[Records from a data collection]
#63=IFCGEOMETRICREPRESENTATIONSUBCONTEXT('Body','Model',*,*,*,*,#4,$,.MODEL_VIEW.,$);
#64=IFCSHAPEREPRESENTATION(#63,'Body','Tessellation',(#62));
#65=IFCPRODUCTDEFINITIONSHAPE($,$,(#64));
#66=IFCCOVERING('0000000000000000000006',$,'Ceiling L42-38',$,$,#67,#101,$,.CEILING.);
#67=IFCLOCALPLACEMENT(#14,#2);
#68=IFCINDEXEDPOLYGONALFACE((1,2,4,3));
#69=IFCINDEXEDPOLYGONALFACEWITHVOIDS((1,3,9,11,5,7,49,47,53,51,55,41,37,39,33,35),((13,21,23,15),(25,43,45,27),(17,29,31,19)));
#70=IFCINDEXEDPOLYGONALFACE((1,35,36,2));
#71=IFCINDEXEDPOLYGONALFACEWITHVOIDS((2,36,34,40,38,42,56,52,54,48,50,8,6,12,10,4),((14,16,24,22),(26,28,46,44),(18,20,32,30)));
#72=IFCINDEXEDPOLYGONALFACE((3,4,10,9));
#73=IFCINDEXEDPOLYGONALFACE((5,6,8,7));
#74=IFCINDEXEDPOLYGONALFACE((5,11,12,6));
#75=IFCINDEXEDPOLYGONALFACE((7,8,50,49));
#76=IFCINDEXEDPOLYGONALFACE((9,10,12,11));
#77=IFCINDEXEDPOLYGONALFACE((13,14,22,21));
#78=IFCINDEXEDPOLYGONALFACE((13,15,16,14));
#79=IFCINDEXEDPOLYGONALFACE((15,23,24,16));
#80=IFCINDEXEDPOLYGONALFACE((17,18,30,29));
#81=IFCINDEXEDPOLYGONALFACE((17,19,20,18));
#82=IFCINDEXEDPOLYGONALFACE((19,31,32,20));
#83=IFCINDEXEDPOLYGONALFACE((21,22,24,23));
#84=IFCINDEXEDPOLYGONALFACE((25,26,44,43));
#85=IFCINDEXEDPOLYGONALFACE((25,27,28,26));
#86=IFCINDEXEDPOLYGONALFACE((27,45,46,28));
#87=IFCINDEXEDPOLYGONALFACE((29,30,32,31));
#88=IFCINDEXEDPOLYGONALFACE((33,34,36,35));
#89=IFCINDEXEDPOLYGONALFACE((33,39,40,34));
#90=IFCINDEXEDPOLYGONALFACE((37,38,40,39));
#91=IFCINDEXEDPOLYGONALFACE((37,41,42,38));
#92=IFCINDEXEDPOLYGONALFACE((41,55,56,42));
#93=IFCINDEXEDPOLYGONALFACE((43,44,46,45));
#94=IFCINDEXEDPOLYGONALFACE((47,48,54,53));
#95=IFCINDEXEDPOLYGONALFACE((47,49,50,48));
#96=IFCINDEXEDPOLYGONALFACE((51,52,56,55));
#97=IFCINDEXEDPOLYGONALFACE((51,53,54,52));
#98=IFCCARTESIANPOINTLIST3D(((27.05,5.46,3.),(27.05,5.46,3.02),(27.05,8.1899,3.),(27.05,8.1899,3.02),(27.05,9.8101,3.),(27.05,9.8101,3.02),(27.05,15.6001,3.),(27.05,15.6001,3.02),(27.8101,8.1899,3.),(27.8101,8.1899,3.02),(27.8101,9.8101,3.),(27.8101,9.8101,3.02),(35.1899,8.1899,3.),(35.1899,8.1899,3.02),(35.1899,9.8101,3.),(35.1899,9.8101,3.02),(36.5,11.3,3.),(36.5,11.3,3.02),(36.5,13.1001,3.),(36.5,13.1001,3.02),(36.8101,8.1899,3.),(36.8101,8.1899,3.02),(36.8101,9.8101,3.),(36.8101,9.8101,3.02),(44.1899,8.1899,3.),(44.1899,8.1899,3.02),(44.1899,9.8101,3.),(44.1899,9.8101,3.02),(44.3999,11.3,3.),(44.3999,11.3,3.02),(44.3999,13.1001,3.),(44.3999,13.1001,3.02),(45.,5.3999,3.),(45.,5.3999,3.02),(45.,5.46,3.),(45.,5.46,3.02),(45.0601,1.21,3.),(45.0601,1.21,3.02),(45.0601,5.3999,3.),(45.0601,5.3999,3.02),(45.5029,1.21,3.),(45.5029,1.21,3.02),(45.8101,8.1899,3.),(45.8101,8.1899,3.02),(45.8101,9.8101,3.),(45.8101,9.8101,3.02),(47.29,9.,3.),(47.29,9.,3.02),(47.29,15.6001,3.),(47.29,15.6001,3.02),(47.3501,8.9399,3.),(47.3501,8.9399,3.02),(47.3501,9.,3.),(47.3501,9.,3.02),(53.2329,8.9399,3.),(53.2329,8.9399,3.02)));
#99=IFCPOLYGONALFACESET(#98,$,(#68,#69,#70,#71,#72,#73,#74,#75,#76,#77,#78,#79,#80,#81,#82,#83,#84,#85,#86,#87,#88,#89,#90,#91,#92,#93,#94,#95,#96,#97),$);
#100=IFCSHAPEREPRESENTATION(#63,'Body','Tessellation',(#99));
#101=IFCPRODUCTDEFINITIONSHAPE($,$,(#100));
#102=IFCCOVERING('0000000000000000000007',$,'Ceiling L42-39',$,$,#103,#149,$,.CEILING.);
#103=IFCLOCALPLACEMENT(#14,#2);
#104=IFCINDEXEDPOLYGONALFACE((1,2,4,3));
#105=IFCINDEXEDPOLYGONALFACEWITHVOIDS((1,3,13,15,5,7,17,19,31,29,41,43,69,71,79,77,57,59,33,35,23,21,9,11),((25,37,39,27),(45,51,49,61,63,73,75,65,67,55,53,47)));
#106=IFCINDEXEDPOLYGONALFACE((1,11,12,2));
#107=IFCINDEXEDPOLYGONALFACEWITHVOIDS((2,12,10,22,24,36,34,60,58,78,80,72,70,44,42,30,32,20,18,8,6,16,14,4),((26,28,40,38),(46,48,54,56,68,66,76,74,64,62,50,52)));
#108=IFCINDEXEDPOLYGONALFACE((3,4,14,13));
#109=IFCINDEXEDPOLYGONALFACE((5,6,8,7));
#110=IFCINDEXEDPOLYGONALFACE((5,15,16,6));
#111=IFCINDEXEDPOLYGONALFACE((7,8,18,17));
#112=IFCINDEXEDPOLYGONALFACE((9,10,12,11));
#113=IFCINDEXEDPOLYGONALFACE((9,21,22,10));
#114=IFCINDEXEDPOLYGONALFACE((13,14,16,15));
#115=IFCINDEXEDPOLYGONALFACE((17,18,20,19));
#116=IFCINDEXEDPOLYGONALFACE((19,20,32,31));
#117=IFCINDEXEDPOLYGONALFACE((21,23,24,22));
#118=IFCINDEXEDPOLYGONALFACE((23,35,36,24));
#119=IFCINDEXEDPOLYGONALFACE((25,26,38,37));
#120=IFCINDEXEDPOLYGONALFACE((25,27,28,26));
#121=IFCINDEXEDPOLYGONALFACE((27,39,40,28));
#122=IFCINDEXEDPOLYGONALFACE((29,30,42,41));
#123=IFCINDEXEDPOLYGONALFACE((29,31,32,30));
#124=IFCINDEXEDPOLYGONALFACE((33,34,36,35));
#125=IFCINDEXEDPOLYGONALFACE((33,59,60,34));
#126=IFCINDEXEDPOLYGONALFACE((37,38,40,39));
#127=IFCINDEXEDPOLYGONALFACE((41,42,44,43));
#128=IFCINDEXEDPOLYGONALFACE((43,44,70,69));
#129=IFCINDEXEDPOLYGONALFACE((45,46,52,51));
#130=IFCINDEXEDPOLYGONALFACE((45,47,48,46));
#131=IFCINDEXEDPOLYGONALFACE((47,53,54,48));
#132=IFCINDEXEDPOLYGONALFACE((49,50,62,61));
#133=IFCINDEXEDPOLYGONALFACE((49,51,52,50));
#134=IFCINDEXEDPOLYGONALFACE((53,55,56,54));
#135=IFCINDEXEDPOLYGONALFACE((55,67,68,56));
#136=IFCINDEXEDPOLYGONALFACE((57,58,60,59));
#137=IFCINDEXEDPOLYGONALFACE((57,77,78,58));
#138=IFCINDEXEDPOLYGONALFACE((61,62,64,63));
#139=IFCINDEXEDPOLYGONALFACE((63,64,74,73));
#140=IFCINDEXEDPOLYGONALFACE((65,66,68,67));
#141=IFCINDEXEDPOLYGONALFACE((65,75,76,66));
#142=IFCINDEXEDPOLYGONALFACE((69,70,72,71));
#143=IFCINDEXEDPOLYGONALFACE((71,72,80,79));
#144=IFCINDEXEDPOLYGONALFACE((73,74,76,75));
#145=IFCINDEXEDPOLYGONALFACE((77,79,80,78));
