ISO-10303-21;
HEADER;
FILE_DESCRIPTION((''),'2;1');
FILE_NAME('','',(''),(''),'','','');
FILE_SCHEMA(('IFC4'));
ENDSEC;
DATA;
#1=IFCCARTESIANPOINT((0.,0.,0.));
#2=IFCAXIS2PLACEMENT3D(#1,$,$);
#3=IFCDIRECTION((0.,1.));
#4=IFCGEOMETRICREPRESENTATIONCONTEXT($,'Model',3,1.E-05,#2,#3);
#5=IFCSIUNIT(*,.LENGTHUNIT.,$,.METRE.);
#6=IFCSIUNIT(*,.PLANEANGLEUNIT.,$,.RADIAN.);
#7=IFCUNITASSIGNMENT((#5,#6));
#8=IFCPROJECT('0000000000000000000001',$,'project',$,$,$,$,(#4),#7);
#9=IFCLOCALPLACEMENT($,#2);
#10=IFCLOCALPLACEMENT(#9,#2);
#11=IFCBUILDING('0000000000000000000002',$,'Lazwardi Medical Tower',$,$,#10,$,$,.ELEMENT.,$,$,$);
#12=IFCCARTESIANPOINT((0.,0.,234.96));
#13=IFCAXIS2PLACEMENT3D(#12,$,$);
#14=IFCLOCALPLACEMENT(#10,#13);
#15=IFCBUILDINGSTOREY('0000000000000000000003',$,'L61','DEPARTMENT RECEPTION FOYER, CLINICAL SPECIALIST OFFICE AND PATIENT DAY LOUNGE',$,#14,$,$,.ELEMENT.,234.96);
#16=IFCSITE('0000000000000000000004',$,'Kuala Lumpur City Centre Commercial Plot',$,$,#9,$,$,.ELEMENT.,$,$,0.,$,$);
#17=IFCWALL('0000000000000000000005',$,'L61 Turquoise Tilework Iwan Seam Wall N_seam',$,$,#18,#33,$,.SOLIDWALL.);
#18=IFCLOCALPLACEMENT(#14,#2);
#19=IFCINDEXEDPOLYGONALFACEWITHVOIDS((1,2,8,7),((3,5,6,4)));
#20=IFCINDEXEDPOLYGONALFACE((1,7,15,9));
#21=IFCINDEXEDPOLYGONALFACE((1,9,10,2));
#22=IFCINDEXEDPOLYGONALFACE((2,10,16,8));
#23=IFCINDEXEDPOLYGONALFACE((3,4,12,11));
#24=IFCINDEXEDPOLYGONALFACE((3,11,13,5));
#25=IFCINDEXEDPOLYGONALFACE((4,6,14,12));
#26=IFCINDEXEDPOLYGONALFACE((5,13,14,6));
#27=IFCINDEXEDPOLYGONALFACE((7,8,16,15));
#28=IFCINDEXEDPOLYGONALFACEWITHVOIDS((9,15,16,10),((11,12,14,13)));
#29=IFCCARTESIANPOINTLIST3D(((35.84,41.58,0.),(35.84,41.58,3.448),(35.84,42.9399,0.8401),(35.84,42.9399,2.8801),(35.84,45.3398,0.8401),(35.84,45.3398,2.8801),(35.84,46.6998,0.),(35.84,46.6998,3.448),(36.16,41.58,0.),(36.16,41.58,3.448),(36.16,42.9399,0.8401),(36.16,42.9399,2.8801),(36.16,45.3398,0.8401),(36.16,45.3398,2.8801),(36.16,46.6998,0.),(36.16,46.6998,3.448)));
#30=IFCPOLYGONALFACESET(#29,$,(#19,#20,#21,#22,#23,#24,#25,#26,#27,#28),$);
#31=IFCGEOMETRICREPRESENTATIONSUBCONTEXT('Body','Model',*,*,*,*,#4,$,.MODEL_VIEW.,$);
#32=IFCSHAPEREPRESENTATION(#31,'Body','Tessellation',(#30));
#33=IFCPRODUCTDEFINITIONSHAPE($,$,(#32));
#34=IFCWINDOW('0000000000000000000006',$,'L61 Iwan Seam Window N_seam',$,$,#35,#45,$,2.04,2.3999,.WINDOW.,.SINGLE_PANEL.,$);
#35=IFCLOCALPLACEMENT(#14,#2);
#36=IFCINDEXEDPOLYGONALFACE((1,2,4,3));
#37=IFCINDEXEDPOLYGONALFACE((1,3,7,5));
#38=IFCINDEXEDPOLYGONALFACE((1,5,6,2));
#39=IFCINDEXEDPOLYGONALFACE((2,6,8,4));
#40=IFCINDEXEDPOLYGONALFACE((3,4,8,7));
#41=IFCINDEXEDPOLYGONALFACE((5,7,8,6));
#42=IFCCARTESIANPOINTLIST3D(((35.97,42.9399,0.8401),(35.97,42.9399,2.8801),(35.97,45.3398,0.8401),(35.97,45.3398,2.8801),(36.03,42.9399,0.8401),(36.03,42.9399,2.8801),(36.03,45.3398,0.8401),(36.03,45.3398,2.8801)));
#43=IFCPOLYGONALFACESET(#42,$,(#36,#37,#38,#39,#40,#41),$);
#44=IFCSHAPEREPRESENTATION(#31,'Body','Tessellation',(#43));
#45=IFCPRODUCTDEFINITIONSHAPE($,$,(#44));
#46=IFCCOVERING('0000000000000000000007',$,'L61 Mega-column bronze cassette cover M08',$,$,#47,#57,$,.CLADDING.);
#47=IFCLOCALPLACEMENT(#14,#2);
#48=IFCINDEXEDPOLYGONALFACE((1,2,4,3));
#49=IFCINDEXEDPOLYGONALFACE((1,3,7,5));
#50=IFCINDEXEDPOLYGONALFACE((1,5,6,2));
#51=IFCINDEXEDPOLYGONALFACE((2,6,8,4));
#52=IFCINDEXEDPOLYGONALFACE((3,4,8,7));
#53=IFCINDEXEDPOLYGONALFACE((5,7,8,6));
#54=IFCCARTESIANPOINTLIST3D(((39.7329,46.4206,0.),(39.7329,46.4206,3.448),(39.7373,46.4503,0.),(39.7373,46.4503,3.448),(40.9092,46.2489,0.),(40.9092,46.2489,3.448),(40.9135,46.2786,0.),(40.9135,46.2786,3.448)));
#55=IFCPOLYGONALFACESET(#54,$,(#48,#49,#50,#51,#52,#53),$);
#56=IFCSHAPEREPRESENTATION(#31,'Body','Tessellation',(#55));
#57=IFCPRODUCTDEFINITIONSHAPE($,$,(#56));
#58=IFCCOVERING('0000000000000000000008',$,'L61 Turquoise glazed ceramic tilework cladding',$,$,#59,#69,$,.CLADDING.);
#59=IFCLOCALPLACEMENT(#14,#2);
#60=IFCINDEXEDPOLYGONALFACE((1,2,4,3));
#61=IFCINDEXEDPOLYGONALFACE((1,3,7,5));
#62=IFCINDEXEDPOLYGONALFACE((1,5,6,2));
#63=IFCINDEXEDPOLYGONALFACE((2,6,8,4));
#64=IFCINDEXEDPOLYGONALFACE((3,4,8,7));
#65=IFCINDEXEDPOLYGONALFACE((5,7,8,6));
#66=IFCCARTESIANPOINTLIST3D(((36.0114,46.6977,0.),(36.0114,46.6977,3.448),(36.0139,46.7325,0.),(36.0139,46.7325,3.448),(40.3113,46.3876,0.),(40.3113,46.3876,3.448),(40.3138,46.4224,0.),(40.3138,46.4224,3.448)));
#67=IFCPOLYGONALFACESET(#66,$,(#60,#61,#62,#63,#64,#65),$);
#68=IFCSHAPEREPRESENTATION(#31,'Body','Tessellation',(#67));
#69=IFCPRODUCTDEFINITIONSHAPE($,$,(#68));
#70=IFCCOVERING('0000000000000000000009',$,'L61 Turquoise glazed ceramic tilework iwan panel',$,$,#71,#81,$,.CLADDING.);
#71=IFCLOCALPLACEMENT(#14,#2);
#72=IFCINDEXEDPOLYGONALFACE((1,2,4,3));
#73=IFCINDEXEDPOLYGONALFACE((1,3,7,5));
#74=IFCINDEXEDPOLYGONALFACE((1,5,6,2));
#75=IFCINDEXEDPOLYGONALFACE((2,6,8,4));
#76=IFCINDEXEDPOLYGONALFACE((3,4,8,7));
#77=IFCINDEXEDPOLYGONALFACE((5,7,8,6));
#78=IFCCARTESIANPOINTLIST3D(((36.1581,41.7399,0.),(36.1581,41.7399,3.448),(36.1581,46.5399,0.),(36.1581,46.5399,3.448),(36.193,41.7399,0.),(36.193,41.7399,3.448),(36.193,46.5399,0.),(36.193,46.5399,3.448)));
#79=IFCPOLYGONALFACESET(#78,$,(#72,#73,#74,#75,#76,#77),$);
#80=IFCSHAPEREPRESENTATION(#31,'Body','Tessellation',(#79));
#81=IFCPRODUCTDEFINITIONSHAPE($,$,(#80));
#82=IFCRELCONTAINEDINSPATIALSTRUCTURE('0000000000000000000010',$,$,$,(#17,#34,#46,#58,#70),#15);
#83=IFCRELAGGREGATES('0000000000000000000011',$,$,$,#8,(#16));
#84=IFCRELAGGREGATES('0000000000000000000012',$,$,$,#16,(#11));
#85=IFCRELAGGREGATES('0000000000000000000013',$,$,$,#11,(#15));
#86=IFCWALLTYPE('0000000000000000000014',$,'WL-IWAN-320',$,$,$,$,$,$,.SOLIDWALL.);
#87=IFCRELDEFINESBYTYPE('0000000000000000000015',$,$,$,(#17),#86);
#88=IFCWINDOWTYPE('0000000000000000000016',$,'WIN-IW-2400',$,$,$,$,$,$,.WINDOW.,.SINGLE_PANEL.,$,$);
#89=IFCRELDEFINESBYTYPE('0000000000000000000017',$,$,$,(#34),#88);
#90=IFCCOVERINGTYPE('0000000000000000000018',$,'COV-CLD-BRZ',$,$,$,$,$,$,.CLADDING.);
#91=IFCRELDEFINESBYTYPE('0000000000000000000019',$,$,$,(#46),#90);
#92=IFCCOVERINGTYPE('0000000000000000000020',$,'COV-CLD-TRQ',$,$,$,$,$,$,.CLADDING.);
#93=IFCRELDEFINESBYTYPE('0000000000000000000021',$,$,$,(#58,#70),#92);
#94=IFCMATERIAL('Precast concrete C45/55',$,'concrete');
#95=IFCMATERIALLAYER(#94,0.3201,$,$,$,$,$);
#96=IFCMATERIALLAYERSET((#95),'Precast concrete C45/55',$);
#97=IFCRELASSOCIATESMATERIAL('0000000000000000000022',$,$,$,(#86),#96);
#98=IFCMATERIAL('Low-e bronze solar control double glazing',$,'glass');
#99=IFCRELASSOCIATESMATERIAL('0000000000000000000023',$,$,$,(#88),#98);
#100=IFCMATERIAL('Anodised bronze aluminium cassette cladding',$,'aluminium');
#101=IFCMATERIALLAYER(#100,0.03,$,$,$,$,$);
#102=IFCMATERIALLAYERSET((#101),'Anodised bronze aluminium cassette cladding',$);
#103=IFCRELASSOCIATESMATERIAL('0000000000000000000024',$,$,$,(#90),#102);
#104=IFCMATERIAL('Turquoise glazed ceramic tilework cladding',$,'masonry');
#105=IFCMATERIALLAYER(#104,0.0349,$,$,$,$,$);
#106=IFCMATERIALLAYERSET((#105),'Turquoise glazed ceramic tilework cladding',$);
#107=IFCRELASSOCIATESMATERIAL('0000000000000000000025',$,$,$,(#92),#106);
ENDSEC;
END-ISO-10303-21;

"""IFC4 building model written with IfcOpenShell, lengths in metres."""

from ifc_helpers import new_model, si_unit, direction, frame, frame_2d, origin, origin_2d, place, context, subcontext, project, spatial, rectangle, extrude, material, layer, layer_set, type_object, element, fill, save


model = new_model("IFC4")

# Units and contexts
model_context = context("Model", 3, precision=1e-05, world=origin(), true_north=direction((0.0, 1.0)))
body_context = subcontext(model_context, "Body", "Model", "MODEL_VIEW")
ifc_project = project(units=[si_unit("LENGTHUNIT", "METRE"), si_unit("PLANEANGLEUNIT", "RADIAN")], contexts=[model_context])

# Site, building, storey
site_placement = place(None, origin())
site = spatial("IfcSite", under=ifc_project, at=site_placement, Name="Kuala Lumpur City Centre Commercial Plot", CompositionType="ELEMENT", RefElevation=0.0)
building_placement = place(site_placement, origin())
building = spatial("IfcBuilding", under=site, at=building_placement, Name="Lazwardi Medical Tower", CompositionType="ELEMENT")
storey_placement = place(building_placement, frame((0.0, 0.0, 234.96)))
storey = spatial("IfcBuildingStorey", under=building, at=storey_placement, Name="L61", Description="DEPARTMENT RECEPTION FOYER, CLINICAL SPECIALIST OFFICE AND PATIENT DAY LOUNGE", CompositionType="ELEMENT", Elevation=234.96)

# Shared definitions
ifc_material_1 = material(Name="Low-e bronze solar control double glazing", Category="glass")

# Wall, opening, window
ifc_material_2 = material(Name="Precast concrete C45/55", Category="concrete")
ifc_layer_1 = layer(ifc_material_2, 0.3201)
ifc_layer_set_1 = layer_set([ifc_layer_1], Name="Precast concrete C45/55")
wall_type = type_object("IfcWallType", Name="WL-IWAN-320", PredefinedType="SOLIDWALL", material=ifc_layer_set_1)
wall_1_placement = place(storey_placement, frame((36.0, 46.7, 0.0), z_axis=(0.0, 0.0, 1.0), x_axis=(0.0, -1.0, 0.0)))
wall_1 = element("IfcWall", 1, at=wall_1_placement, inside=storey, type_object=wall_type, Name="L61 Turquoise Tilework Iwan Seam Wall N_seam", PredefinedType="SOLIDWALL", context=body_context, shape_type="SweptSolid", body=[
    extrude(rectangle(XDim=5.1199, YDim=0.3201, at=frame_2d((2.5601, 0.0))), origin(), (0.0, 0.0, 1.0), 3.448),
])
opening_1_placement = place(wall_1_placement, frame((1.3601, 0.0, 0.8401)))
opening_1 = element("IfcOpeningElement", 2, at=opening_1_placement, cuts=wall_1, PredefinedType="OPENING", context=body_context, shape_type="SweptSolid", body=[
    extrude(rectangle(XDim=2.3999, YDim=2.04, at=frame_2d((1.2, 1.02))), frame((0.0, 0.1699, 0.0), z_axis=(0.0, -1.0, 0.0), x_axis=(1.0, 0.0, 0.0)), (0.0, 0.0, 1.0), 0.3401),
])
window_type_1 = type_object("IfcWindowType", Name="WIN-IW-2400", PartitioningType="SINGLE_PANEL", PredefinedType="WINDOW", material=ifc_material_1)
window_1_placement = place(opening_1_placement, origin())
window_1 = element("IfcWindow", 3, at=window_1_placement, inside=storey, type_object=window_type_1, Name="L61 Iwan Seam Window N_seam", OverallHeight=2.04, OverallWidth=2.3999, PartitioningType="SINGLE_PANEL", PredefinedType="WINDOW", context=body_context, shape_type="SweptSolid", body=[
    extrude(rectangle(XDim=2.3999, YDim=2.04, at=frame_2d((1.2, 1.02))), frame((0.0, 0.03, 0.0), z_axis=(0.0, -1.0, 0.0), x_axis=(1.0, 0.0, 0.0)), (0.0, 0.0, 1.0), 0.0601),
])
fill(opening_1, window_1)

# Coverings
ifc_material_3 = material(Name="Anodised bronze aluminium cassette cladding", Category="aluminium")
ifc_layer_2 = layer(ifc_material_3, 0.03)
ifc_layer_set_2 = layer_set([ifc_layer_2], Name="Anodised bronze aluminium cassette cladding")
covering_type_1 = type_object("IfcCoveringType", Name="COV-CLD-BRZ", PredefinedType="CLADDING", material=ifc_layer_set_2)
covering_1_placement = place(storey_placement, frame((40.3232, 46.3496, 0.0), z_axis=(0.0, 0.0, 1.0), x_axis=(-0.989512, 0.144448, 0.0)))
element("IfcCovering", 4, at=covering_1_placement, inside=storey, type_object=covering_type_1, Name="L61 Mega-column bronze cassette cover M08", PredefinedType="CLADDING", context=body_context, shape_type="SweptSolid", body=[
    extrude(rectangle(XDim=1.1887, YDim=0.03, at=origin_2d()), origin(), (0.0, 0.0, 1.0), 3.448),
])
ifc_material_4 = material(Name="Turquoise glazed ceramic tilework cladding", Category="masonry")
ifc_layer_3 = layer(ifc_material_4, 0.0349)
ifc_layer_set_3 = layer_set([ifc_layer_3], Name="Turquoise glazed ceramic tilework cladding")
covering_type_2 = type_object("IfcCoveringType", Name="COV-CLD-TRQ", PredefinedType="CLADDING", material=ifc_layer_set_3)
covering_2_placement = place(storey_placement, frame((38.1626, 46.5601, 0.0), z_axis=(0.0, 0.0, 1.0), x_axis=(-0.997409, 0.071933, 0.0)))
element("IfcCovering", 5, at=covering_2_placement, inside=storey, type_object=covering_type_2, Name="L61 Turquoise glazed ceramic tilework cladding", PredefinedType="CLADDING", context=body_context, shape_type="SweptSolid", body=[
    extrude(rectangle(XDim=4.311, YDim=0.0349, at=origin_2d()), origin(), (0.0, 0.0, 1.0), 3.448),
])
covering_3_placement = place(storey_placement, frame((36.1755, 44.1399, 0.0), z_axis=(0.0, 0.0, 1.0), x_axis=(0.0, -1.0, 0.0)))
element("IfcCovering", 6, at=covering_3_placement, inside=storey, type_object=covering_type_2, Name="L61 Turquoise glazed ceramic tilework iwan panel", PredefinedType="CLADDING", context=body_context, shape_type="SweptSolid", body=[
    extrude(rectangle(XDim=4.8, YDim=0.0349, at=origin_2d()), origin(), (0.0, 0.0, 1.0), 3.448),
])

save(model, "model.ifc")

**What the exercise asks:**
The count of lines above that contain "IFCRELDEFINESBYTYPE" is all that should be given.

**Your response:**
4